REQUIRED WORK
Copy every line from the records that holds the word "number".

(Dataset entries)
++++++++++++++++++++

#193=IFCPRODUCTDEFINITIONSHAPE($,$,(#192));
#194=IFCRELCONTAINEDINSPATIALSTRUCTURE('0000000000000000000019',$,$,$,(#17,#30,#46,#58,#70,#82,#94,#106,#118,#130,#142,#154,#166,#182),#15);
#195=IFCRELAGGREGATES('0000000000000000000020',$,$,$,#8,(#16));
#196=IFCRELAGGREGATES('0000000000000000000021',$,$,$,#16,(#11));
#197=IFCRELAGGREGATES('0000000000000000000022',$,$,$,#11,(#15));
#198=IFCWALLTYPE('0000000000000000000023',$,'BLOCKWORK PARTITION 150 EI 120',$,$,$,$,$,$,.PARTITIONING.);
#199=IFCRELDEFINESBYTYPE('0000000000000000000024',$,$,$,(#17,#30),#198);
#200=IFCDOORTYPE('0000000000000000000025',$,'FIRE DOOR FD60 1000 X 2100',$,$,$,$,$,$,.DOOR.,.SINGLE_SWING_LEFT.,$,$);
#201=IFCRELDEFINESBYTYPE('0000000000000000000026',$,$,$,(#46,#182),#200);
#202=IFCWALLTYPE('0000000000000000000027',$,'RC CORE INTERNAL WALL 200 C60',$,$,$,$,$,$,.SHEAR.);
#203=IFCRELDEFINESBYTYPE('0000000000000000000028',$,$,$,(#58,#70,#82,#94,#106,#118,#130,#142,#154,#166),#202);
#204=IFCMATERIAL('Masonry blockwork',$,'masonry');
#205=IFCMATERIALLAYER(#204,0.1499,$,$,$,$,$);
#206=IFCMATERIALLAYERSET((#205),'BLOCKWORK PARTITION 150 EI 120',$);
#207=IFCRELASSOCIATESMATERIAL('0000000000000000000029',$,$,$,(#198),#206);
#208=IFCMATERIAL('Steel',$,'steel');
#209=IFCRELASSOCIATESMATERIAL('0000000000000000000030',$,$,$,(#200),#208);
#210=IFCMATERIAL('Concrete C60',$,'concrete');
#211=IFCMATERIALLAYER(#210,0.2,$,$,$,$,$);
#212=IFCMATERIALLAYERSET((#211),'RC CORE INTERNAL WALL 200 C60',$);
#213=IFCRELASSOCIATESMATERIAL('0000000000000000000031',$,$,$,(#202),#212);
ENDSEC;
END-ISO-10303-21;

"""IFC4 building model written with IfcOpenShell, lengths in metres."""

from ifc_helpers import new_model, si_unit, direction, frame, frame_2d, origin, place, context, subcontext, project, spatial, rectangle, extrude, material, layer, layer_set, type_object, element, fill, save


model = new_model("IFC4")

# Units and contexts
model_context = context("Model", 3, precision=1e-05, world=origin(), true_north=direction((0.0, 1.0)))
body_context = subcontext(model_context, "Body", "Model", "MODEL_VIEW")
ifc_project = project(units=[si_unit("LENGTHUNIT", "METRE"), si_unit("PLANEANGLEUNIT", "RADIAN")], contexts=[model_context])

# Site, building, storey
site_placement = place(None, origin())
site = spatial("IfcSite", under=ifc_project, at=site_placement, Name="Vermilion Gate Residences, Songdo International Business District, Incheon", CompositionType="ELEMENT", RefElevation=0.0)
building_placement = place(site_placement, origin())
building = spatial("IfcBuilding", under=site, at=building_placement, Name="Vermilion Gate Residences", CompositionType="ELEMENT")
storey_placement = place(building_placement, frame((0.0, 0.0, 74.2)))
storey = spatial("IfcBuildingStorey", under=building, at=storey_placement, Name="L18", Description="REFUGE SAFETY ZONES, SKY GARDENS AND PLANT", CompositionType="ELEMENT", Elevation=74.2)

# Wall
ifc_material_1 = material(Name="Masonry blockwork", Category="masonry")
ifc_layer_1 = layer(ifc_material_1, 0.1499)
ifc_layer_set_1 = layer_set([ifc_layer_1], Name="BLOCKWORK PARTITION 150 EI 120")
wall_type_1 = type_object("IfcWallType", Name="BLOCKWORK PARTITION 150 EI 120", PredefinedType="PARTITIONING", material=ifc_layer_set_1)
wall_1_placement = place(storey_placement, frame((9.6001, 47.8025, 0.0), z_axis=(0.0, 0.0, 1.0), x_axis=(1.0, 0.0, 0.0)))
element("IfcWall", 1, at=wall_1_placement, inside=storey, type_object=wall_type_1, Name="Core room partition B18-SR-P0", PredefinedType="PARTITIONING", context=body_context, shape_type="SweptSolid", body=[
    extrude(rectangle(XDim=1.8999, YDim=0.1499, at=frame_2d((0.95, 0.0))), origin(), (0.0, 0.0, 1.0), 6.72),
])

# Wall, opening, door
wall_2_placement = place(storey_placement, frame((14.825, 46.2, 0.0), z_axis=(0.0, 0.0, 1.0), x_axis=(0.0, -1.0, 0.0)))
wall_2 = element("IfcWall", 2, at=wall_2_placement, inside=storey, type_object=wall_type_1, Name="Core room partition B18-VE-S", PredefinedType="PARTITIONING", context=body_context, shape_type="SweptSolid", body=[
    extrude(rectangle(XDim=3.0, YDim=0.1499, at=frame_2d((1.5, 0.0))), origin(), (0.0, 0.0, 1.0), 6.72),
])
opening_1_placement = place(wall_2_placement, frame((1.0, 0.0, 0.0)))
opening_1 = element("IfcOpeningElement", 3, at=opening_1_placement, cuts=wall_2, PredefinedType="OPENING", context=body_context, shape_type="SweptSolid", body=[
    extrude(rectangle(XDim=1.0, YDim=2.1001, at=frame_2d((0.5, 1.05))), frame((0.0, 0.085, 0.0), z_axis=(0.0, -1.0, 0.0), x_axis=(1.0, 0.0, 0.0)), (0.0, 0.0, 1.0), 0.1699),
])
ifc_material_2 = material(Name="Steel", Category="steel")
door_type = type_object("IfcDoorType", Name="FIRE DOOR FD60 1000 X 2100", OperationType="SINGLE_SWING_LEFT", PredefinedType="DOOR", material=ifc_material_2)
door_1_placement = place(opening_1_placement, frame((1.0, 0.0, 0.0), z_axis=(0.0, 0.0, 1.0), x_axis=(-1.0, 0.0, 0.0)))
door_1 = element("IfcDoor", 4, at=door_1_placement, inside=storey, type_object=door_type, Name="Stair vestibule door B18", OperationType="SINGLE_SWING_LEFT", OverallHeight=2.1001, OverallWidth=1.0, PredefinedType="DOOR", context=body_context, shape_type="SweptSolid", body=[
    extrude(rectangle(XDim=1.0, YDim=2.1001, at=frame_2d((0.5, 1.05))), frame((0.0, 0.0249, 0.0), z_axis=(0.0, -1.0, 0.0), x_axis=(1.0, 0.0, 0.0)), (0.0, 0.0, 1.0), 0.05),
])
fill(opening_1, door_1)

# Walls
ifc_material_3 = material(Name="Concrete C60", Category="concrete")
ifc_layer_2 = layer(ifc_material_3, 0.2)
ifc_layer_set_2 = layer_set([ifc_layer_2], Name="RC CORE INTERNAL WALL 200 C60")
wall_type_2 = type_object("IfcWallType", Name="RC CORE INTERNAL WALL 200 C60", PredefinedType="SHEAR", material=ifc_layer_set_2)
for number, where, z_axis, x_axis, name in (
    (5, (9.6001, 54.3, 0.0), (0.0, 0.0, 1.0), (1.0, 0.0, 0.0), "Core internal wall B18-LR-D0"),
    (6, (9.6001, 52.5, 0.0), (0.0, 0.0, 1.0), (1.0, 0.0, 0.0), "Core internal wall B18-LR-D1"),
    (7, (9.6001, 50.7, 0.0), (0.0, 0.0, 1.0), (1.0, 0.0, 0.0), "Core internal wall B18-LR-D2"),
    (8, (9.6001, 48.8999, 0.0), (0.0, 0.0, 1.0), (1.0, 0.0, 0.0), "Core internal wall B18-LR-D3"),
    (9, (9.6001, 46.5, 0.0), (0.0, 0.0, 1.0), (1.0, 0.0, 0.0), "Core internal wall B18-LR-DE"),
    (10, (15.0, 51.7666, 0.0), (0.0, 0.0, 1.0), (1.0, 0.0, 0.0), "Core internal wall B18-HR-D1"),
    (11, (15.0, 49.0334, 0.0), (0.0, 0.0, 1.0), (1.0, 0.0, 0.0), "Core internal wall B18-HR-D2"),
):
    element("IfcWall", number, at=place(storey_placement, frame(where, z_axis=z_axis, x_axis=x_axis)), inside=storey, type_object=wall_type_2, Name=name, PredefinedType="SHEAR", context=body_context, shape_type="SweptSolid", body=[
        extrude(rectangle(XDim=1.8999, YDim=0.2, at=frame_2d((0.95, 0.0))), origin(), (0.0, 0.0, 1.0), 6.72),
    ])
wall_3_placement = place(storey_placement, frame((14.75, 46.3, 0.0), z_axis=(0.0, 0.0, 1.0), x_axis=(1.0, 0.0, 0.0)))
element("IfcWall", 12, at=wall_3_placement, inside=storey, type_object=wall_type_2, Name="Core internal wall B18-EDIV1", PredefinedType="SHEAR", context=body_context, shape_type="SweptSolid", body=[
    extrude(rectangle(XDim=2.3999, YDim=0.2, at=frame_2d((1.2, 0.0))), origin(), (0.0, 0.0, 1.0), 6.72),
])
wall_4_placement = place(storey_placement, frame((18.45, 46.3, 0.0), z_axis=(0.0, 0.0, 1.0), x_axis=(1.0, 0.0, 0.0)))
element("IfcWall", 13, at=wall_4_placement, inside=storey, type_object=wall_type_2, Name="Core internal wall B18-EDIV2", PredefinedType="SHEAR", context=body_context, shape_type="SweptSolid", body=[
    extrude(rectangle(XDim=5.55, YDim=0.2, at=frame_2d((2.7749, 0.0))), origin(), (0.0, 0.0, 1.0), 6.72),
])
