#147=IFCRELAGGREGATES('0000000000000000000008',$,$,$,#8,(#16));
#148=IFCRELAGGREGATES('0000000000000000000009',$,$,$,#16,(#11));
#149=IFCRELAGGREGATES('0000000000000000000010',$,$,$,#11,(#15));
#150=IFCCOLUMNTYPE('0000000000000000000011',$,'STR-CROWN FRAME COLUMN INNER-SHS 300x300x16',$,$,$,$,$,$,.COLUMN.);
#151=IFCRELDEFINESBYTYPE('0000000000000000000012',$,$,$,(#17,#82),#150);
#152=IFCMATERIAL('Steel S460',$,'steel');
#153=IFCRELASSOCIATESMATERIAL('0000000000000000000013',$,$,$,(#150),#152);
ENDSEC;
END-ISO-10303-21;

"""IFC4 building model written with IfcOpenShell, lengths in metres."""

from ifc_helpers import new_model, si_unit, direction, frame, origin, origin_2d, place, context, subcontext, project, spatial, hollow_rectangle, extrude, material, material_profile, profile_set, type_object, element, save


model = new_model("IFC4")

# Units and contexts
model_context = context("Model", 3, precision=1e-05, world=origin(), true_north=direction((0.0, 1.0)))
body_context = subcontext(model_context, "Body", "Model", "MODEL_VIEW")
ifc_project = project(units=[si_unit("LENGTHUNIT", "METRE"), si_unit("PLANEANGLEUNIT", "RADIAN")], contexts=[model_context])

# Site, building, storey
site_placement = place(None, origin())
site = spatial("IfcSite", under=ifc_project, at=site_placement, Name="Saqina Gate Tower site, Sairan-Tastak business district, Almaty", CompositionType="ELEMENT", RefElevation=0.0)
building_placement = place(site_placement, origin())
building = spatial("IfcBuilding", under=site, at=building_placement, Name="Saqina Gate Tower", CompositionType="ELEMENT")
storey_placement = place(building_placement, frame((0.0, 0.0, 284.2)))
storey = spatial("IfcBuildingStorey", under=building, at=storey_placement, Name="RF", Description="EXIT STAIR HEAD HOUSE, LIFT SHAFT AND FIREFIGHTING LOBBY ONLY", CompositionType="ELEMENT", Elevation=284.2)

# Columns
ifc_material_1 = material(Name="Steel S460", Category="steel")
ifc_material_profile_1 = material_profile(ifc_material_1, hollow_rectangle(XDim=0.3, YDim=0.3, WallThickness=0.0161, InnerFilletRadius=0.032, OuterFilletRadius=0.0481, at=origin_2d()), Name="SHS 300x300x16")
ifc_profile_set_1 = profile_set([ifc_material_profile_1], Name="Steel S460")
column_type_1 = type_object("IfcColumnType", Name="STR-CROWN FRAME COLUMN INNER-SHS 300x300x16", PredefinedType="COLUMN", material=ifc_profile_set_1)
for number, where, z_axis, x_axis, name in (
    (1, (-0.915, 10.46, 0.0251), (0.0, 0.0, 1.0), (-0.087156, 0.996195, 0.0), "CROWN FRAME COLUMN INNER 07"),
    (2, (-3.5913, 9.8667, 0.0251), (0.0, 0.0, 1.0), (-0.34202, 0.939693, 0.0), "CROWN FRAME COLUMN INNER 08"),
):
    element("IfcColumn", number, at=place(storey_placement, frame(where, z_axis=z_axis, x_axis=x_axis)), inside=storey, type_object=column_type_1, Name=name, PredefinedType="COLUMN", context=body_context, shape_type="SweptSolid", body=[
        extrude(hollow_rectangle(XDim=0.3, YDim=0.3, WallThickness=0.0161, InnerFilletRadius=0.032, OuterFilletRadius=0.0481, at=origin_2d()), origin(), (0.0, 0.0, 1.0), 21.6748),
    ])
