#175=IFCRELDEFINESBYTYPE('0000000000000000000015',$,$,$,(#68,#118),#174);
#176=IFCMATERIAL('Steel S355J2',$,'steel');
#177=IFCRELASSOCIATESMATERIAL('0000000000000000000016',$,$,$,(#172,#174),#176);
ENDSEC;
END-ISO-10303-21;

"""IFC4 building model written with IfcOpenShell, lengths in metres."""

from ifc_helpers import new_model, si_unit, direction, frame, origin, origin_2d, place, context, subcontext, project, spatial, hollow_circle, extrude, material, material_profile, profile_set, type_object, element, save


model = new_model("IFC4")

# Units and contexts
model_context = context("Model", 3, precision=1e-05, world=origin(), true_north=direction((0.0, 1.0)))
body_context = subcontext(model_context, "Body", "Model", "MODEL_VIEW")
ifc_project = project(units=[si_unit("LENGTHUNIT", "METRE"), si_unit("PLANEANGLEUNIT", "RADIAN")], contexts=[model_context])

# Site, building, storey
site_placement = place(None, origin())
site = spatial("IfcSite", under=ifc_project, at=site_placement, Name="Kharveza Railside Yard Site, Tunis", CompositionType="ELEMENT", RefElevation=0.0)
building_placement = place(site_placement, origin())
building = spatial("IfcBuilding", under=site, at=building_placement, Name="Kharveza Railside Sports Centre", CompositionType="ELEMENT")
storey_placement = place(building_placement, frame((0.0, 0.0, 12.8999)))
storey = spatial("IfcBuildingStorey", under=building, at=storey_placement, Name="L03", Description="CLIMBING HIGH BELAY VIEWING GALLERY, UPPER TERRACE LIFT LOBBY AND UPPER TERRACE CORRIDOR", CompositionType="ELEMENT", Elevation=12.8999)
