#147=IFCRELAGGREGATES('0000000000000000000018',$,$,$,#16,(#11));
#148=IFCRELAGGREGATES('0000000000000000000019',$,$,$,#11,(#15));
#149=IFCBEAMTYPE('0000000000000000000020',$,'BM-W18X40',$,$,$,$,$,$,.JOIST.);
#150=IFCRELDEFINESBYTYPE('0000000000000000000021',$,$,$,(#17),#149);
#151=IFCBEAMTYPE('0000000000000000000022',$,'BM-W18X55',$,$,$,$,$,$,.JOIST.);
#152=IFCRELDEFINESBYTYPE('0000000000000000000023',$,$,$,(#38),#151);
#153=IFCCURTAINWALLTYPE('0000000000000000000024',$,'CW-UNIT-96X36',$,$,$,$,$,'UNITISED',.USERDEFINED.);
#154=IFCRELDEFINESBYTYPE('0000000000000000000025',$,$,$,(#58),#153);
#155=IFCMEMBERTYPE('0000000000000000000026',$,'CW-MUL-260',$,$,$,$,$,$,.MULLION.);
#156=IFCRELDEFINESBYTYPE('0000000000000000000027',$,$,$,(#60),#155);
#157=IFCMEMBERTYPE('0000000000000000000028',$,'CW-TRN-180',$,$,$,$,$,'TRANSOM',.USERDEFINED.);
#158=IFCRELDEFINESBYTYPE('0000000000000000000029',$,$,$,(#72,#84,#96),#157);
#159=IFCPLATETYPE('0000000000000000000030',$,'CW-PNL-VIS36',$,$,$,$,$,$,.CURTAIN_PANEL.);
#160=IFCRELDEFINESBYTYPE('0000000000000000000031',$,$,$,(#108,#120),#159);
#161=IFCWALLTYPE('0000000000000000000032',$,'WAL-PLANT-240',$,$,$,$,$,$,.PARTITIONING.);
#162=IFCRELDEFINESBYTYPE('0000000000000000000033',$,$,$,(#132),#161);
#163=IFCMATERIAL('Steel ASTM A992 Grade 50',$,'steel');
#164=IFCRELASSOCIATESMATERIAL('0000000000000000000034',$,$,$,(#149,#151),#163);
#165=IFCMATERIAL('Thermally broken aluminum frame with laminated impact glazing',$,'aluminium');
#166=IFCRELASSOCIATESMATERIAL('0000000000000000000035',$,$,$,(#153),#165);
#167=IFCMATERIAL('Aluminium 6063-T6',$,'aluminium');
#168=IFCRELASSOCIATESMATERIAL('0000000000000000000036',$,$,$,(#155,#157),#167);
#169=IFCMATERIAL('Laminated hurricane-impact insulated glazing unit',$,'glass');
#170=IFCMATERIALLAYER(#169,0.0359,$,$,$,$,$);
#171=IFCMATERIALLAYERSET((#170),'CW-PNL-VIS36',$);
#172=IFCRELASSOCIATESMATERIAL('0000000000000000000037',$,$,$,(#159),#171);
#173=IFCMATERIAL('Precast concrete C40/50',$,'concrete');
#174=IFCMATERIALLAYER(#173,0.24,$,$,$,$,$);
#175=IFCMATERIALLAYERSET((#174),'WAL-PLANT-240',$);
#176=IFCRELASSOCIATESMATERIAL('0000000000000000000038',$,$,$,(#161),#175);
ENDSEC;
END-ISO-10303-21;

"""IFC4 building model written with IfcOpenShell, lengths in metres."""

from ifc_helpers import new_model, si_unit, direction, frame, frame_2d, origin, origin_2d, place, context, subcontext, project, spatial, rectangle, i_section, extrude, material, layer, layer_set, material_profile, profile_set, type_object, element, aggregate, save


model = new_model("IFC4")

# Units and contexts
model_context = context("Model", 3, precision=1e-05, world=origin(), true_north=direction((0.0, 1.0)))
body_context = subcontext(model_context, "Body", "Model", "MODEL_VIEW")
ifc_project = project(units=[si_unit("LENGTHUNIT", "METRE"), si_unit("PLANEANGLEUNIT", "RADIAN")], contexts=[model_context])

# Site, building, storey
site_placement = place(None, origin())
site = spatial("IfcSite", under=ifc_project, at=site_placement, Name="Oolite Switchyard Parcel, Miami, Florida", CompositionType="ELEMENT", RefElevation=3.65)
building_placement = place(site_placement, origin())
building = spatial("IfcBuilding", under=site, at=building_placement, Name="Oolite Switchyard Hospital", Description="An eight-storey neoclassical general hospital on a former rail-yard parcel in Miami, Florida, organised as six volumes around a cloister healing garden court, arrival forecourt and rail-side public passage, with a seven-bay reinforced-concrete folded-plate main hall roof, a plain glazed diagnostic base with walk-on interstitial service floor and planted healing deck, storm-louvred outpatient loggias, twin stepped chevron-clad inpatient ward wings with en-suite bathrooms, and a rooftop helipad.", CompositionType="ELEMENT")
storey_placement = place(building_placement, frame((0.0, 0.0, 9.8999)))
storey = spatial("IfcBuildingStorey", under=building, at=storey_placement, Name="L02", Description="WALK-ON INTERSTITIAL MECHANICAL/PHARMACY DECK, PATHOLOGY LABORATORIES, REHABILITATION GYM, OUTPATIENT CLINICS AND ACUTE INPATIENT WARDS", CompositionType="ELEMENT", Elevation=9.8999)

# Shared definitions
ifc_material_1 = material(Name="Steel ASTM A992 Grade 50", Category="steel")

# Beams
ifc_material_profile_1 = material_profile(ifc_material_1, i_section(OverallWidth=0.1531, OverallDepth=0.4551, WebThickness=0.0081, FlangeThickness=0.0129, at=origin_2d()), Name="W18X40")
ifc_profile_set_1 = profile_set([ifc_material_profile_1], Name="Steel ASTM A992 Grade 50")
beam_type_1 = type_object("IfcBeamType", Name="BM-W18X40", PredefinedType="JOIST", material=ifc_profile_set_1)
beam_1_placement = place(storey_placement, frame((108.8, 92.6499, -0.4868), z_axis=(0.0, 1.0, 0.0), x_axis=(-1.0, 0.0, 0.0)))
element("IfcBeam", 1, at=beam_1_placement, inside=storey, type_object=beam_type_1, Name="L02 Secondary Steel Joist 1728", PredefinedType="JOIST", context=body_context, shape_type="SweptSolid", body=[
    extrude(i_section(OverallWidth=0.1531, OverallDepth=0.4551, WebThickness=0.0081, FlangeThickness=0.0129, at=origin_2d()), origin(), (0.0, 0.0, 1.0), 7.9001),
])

++++++++++++++++++++

SOLUTION
for number, where, z_axis, x_axis, name in (
    element("IfcWall", number, at=place(storey_placement, frame(where, z_axis=z_axis, x_axis=x_axis)), inside=storey, type_object=wall_type_2, Name=name, PredefinedType="SHEAR", context=body_context, shape_type="SweptSolid", body=[
for number, where, z_axis, x_axis, name in (
    element("IfcColumn", number, at=place(storey_placement, frame(where, z_axis=z_axis, x_axis=x_axis)), inside=storey, type_object=column_type_1, Name=name, PredefinedType="COLUMN", context=body_context, shape_type="SweptSolid", body=[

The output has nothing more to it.